*WHAT THIS TASK INVOLVES*: Repeat the records below exactly, line for line.

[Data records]
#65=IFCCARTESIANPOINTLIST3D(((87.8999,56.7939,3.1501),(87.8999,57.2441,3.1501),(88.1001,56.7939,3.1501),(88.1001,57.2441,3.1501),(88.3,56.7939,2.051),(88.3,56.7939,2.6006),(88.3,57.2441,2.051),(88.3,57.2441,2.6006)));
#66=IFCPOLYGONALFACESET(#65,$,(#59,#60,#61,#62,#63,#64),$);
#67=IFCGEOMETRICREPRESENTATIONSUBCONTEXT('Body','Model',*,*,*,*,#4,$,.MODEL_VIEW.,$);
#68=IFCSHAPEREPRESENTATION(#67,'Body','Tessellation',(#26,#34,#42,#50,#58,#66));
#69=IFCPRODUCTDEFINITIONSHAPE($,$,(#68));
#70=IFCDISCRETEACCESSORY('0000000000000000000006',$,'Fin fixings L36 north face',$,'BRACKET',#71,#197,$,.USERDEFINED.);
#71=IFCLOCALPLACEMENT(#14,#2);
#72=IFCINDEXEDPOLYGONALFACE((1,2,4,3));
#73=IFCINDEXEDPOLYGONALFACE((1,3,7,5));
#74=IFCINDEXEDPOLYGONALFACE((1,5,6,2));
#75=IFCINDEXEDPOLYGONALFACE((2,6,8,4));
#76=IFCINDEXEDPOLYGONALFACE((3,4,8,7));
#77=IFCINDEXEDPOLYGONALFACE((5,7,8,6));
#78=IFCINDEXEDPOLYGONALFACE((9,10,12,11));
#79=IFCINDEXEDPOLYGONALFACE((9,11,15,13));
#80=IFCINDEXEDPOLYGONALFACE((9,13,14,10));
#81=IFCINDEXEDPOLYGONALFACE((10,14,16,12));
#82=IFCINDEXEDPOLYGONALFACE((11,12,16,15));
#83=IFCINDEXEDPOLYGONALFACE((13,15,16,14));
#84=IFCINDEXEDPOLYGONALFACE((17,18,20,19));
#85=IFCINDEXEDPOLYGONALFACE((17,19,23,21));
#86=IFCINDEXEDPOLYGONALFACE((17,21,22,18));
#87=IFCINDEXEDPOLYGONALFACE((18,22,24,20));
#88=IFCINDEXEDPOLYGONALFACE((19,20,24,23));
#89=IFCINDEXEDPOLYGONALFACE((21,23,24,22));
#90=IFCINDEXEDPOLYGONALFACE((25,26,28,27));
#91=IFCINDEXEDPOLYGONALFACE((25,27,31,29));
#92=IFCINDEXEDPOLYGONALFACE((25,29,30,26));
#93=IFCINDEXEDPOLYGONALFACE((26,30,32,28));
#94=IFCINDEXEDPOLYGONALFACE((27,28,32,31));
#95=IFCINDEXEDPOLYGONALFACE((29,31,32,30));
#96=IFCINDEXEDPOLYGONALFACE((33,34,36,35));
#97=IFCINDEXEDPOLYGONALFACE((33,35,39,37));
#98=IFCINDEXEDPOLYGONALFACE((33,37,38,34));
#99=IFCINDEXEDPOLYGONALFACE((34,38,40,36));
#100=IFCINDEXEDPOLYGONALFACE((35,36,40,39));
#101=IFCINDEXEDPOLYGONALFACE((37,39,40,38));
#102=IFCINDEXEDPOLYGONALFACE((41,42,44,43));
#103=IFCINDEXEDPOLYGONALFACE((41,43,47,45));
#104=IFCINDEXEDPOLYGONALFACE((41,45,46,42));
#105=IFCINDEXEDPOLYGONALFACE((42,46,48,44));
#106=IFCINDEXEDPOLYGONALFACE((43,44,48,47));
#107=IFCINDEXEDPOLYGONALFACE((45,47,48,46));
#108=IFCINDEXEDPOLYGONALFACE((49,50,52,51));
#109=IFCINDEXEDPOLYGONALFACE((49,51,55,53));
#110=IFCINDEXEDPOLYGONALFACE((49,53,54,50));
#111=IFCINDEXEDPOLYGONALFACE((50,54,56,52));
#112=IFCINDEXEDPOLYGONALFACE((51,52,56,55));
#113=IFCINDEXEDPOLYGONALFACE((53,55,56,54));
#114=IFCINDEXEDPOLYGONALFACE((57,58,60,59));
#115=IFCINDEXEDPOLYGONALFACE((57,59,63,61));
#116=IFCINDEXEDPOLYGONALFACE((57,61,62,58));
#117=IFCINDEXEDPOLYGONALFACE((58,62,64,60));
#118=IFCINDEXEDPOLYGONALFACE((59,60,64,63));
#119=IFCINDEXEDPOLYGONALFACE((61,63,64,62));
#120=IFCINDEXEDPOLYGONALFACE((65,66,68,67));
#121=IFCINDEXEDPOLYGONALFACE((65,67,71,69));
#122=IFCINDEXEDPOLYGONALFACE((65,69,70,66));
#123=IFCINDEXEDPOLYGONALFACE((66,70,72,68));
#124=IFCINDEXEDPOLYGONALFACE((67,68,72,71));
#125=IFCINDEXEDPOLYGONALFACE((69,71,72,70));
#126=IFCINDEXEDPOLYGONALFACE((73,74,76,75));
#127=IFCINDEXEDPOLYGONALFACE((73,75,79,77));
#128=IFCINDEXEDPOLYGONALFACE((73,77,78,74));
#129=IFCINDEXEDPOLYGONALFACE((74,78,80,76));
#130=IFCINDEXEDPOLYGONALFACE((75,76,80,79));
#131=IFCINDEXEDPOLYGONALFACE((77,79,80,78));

*ANSWER FOR THE TASK*:
#65=IFCCARTESIANPOINTLIST3D(((87.8999,56.7939,3.1501),(87.8999,57.2441,3.1501),(88.1001,56.7939,3.1501),(88.1001,57.2441,3.1501),(88.3,56.7939,2.051),(88.3,56.7939,2.6006),(88.3,57.2441,2.051),(88.3,57.2441,2.6006)));
#66=IFCPOLYGONALFACESET(#65,$,(#59,#60,#61,#62,#63,#64),$);
#67=IFCGEOMETRICREPRESENTATIONSUBCONTEXT('Body','Model',*,*,*,*,#4,$,.MODEL_VIEW.,$);
#68=IFCSHAPEREPRESENTATION(#67,'Body','Tessellation',(#26,#34,#42,#50,#58,#66));
#69=IFCPRODUCTDEFINITIONSHAPE($,$,(#68));
#70=IFCDISCRETEACCESSORY('0000000000000000000006',$,'Fin fixings L36 north face',$,'BRACKET',#71,#197,$,.USERDEFINED.);
#71=IFCLOCALPLACEMENT(#14,#2);
#72=IFCINDEXEDPOLYGONALFACE((1,2,4,3));
#73=IFCINDEXEDPOLYGONALFACE((1,3,7,5));
#74=IFCINDEXEDPOLYGONALFACE((1,5,6,2));
#75=IFCINDEXEDPOLYGONALFACE((2,6,8,4));
#76=IFCINDEXEDPOLYGONALFACE((3,4,8,7));
#77=IFCINDEXEDPOLYGONALFACE((5,7,8,6));
#78=IFCINDEXEDPOLYGONALFACE((9,10,12,11));
#79=IFCINDEXEDPOLYGONALFACE((9,11,15,13));
#80=IFCINDEXEDPOLYGONALFACE((9,13,14,10));
#81=IFCINDEXEDPOLYGONALFACE((10,14,16,12));
#82=IFCINDEXEDPOLYGONALFACE((11,12,16,15));
#83=IFCINDEXEDPOLYGONALFACE((13,15,16,14));
#84=IFCINDEXEDPOLYGONALFACE((17,18,20,19));
#85=IFCINDEXEDPOLYGONALFACE((17,19,23,21));
#86=IFCINDEXEDPOLYGONALFACE((17,21,22,18));
#87=IFCINDEXEDPOLYGONALFACE((18,22,24,20));
#88=IFCINDEXEDPOLYGONALFACE((19,20,24,23));
#89=IFCINDEXEDPOLYGONALFACE((21,23,24,22));
#90=IFCINDEXEDPOLYGONALFACE((25,26,28,27));
#91=IFCINDEXEDPOLYGONALFACE((25,27,31,29));
#92=IFCINDEXEDPOLYGONALFACE((25,29,30,26));
#93=IFCINDEXEDPOLYGONALFACE((26,30,32,28));
#94=IFCINDEXEDPOLYGONALFACE((27,28,32,31));
#95=IFCINDEXEDPOLYGONALFACE((29,31,32,30));
#96=IFCINDEXEDPOLYGONALFACE((33,34,36,35));
#97=IFCINDEXEDPOLYGONALFACE((33,35,39,37));
#98=IFCINDEXEDPOLYGONALFACE((33,37,38,34));
#99=IFCINDEXEDPOLYGONALFACE((34,38,40,36));
#100=IFCINDEXEDPOLYGONALFACE((35,36,40,39));
#101=IFCINDEXEDPOLYGONALFACE((37,39,40,38));
#102=IFCINDEXEDPOLYGONALFACE((41,42,44,43));
#103=IFCINDEXEDPOLYGONALFACE((41,43,47,45));
#104=IFCINDEXEDPOLYGONALFACE((41,45,46,42));
#105=IFCINDEXEDPOLYGONALFACE((42,46,48,44));
#106=IFCINDEXEDPOLYGONALFACE((43,44,48,47));
#107=IFCINDEXEDPOLYGONALFACE((45,47,48,46));
#108=IFCINDEXEDPOLYGONALFACE((49,50,52,51));
#109=IFCINDEXEDPOLYGONALFACE((49,51,55,53));
#110=IFCINDEXEDPOLYGONALFACE((49,53,54,50));
#111=IFCINDEXEDPOLYGONALFACE((50,54,56,52));
#112=IFCINDEXEDPOLYGONALFACE((51,52,56,55));
#113=IFCINDEXEDPOLYGONALFACE((53,55,56,54));
#114=IFCINDEXEDPOLYGONALFACE((57,58,60,59));
#115=IFCINDEXEDPOLYGONALFACE((57,59,63,61));
#116=IFCINDEXEDPOLYGONALFACE((57,61,62,58));
#117=IFCINDEXEDPOLYGONALFACE((58,62,64,60));
#118=IFCINDEXEDPOLYGONALFACE((59,60,64,63));
#119=IFCINDEXEDPOLYGONALFACE((61,63,64,62));
#120=IFCINDEXEDPOLYGONALFACE((65,66,68,67));
#121=IFCINDEXEDPOLYGONALFACE((65,67,71,69));
#122=IFCINDEXEDPOLYGONALFACE((65,69,70,66));
#123=IFCINDEXEDPOLYGONALFACE((66,70,72,68));
#124=IFCINDEXEDPOLYGONALFACE((67,68,72,71));
#125=IFCINDEXEDPOLYGONALFACE((69,71,72,70));
#126=IFCINDEXEDPOLYGONALFACE((73,74,76,75));
#127=IFCINDEXEDPOLYGONALFACE((73,75,79,77));
#128=IFCINDEXEDPOLYGONALFACE((73,77,78,74));
#129=IFCINDEXEDPOLYGONALFACE((74,78,80,76));
#130=IFCINDEXEDPOLYGONALFACE((75,76,80,79));
#131=IFCINDEXEDPOLYGONALFACE((77,79,80,78));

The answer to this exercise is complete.